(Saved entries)
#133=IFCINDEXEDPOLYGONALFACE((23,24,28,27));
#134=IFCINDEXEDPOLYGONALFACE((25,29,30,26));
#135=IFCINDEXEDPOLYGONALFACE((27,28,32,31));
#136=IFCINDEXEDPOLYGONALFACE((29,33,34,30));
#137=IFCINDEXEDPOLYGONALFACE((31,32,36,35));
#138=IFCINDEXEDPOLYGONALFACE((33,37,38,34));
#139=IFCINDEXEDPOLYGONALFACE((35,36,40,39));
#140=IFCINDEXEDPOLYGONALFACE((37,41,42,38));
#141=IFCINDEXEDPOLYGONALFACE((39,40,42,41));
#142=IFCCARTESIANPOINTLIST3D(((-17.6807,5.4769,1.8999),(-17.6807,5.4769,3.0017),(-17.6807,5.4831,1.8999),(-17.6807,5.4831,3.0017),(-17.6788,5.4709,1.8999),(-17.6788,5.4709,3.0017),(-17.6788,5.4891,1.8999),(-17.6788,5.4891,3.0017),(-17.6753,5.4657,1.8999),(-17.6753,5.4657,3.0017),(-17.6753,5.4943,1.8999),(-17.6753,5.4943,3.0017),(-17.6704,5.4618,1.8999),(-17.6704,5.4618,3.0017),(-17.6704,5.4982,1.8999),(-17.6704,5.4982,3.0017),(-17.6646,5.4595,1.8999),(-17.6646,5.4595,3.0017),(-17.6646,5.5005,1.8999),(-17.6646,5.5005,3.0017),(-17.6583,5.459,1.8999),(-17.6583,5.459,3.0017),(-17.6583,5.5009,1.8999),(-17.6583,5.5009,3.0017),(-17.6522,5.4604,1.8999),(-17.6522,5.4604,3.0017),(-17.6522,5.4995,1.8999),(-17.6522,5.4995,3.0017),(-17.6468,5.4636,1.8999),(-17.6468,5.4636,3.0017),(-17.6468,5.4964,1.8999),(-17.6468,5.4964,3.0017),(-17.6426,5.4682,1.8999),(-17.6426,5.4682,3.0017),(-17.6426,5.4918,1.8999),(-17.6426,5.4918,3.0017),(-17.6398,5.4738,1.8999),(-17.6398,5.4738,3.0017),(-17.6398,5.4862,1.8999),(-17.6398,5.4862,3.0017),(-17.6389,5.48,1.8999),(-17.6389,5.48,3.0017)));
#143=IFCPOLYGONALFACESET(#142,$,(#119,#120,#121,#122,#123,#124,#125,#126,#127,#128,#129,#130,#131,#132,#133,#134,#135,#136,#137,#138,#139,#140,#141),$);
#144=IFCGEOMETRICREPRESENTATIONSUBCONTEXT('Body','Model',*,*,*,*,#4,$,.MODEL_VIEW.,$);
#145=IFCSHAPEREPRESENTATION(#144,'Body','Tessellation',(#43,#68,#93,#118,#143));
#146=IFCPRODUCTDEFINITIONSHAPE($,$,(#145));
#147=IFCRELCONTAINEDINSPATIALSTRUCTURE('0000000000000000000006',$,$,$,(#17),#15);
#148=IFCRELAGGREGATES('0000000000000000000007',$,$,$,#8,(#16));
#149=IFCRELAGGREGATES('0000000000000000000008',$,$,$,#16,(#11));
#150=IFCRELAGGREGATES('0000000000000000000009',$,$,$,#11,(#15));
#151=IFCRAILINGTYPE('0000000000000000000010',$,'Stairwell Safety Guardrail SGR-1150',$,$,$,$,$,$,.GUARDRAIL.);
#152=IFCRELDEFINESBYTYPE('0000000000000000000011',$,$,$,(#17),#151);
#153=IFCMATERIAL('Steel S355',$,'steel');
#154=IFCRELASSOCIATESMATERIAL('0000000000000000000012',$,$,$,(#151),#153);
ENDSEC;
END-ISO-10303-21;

§ TASK DETAILS:
Set out, exactly as written, the lines from the line with "#148=IFCRELAGGREGATES('0000000000000000000007',$,$,$,#8,(#16));" to the last line of the records, inclusive, and only those lines.

§ SOLUTION FOR THIS PROBLEM:
#148=IFCRELAGGREGATES('0000000000000000000007',$,$,$,#8,(#16));
#149=IFCRELAGGREGATES('0000000000000000000008',$,$,$,#16,(#11));
#150=IFCRELAGGREGATES('0000000000000000000009',$,$,$,#11,(#15));
#151=IFCRAILINGTYPE('0000000000000000000010',$,'Stairwell Safety Guardrail SGR-1150',$,$,$,$,$,$,.GUARDRAIL.);
#152=IFCRELDEFINESBYTYPE('0000000000000000000011',$,$,$,(#17),#151);
#153=IFCMATERIAL('Steel S355',$,'steel');
#154=IFCRELASSOCIATESMATERIAL('0000000000000000000012',$,$,$,(#151),#153);
ENDSEC;
END-ISO-10303-21;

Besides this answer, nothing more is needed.